- [What the task asks] Lines from the start of the data through the line containing "#125=IFCINDEXEDPOLYGONALFACE((7,8,12,11));" must be given again exactly. Leave the others out.

(Collected data entries)

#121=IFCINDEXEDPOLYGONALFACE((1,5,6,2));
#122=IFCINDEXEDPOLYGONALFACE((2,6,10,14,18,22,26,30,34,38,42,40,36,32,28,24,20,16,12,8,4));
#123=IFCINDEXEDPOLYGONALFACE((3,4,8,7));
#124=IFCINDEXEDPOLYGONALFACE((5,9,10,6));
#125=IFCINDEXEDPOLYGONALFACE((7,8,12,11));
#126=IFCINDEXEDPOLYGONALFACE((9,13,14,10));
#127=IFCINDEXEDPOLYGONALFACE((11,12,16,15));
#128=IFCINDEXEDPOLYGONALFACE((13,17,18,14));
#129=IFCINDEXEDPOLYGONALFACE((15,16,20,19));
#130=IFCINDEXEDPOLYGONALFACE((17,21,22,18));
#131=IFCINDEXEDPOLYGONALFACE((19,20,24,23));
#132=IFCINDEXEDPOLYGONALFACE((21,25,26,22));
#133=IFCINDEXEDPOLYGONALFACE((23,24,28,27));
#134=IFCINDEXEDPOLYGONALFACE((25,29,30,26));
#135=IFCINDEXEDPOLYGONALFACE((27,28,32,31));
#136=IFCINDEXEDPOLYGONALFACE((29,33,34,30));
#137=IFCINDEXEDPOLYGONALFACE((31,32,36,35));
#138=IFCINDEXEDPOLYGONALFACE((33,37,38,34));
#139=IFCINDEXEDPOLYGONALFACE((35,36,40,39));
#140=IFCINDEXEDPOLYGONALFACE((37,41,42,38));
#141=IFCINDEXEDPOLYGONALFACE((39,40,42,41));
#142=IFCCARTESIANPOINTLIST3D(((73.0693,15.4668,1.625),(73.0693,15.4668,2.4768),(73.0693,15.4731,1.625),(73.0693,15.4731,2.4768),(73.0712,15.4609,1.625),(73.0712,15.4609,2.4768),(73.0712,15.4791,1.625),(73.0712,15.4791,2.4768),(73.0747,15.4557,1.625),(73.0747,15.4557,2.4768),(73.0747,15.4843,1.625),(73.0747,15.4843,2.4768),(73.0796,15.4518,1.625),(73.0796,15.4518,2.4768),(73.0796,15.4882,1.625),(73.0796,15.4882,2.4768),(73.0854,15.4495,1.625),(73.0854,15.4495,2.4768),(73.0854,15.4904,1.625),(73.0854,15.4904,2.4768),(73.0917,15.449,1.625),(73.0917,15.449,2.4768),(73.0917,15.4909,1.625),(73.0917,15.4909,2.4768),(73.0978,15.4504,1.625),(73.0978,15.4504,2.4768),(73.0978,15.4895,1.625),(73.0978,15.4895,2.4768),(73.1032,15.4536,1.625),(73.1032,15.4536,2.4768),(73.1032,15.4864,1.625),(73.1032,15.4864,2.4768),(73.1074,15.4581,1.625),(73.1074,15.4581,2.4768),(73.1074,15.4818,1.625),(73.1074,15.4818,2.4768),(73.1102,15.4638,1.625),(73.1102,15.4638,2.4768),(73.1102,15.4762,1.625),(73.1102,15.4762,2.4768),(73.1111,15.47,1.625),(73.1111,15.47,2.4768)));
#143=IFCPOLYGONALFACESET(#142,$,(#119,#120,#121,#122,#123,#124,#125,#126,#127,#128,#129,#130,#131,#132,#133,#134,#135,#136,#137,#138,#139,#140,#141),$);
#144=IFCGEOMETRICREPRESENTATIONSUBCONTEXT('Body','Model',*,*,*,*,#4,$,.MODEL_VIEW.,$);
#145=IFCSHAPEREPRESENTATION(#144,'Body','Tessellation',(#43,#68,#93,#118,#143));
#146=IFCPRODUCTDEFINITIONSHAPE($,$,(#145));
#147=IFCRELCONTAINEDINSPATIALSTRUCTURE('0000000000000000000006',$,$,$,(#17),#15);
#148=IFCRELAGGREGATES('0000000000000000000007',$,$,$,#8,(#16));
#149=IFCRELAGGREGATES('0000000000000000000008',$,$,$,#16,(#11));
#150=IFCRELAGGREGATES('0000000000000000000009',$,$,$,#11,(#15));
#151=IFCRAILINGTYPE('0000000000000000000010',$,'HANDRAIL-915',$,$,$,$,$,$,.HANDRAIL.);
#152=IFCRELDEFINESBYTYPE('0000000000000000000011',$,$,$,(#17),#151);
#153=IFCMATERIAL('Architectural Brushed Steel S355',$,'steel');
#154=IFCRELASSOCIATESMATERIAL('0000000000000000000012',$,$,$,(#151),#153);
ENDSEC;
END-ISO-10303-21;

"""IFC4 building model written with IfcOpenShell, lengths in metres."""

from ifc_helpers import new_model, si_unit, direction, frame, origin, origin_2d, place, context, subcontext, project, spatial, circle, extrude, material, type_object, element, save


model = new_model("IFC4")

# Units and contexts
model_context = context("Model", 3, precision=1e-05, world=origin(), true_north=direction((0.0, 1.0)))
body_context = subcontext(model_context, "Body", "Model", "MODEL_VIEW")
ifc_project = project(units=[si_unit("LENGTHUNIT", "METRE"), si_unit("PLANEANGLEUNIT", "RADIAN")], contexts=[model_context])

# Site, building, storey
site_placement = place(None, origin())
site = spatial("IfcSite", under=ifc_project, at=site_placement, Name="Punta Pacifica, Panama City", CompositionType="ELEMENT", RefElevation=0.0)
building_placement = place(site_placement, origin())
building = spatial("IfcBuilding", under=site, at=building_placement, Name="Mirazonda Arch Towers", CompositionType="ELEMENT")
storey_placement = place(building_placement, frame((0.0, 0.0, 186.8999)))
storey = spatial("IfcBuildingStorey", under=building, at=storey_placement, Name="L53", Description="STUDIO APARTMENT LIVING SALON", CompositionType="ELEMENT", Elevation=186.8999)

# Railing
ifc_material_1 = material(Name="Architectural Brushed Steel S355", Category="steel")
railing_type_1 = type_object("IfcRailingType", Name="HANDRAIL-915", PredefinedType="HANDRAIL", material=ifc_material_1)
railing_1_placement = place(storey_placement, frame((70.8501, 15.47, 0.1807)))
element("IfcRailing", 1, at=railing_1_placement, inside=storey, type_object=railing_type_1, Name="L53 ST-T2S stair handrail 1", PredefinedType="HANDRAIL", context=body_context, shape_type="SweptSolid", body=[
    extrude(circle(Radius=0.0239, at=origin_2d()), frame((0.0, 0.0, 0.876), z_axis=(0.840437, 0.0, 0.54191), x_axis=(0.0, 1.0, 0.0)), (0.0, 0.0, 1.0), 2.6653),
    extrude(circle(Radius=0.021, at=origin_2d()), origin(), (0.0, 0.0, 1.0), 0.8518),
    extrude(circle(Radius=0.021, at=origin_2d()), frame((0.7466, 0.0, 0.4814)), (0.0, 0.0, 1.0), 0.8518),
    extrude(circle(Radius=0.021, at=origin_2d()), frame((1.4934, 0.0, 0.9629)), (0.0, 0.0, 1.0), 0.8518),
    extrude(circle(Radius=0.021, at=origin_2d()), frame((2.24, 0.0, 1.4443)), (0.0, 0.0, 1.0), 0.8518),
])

- [Output for this exercise]
#121=IFCINDEXEDPOLYGONALFACE((1,5,6,2));
#122=IFCINDEXEDPOLYGONALFACE((2,6,10,14,18,22,26,30,34,38,42,40,36,32,28,24,20,16,12,8,4));
#123=IFCINDEXEDPOLYGONALFACE((3,4,8,7));
#124=IFCINDEXEDPOLYGONALFACE((5,9,10,6));
#125=IFCINDEXEDPOLYGONALFACE((7,8,12,11));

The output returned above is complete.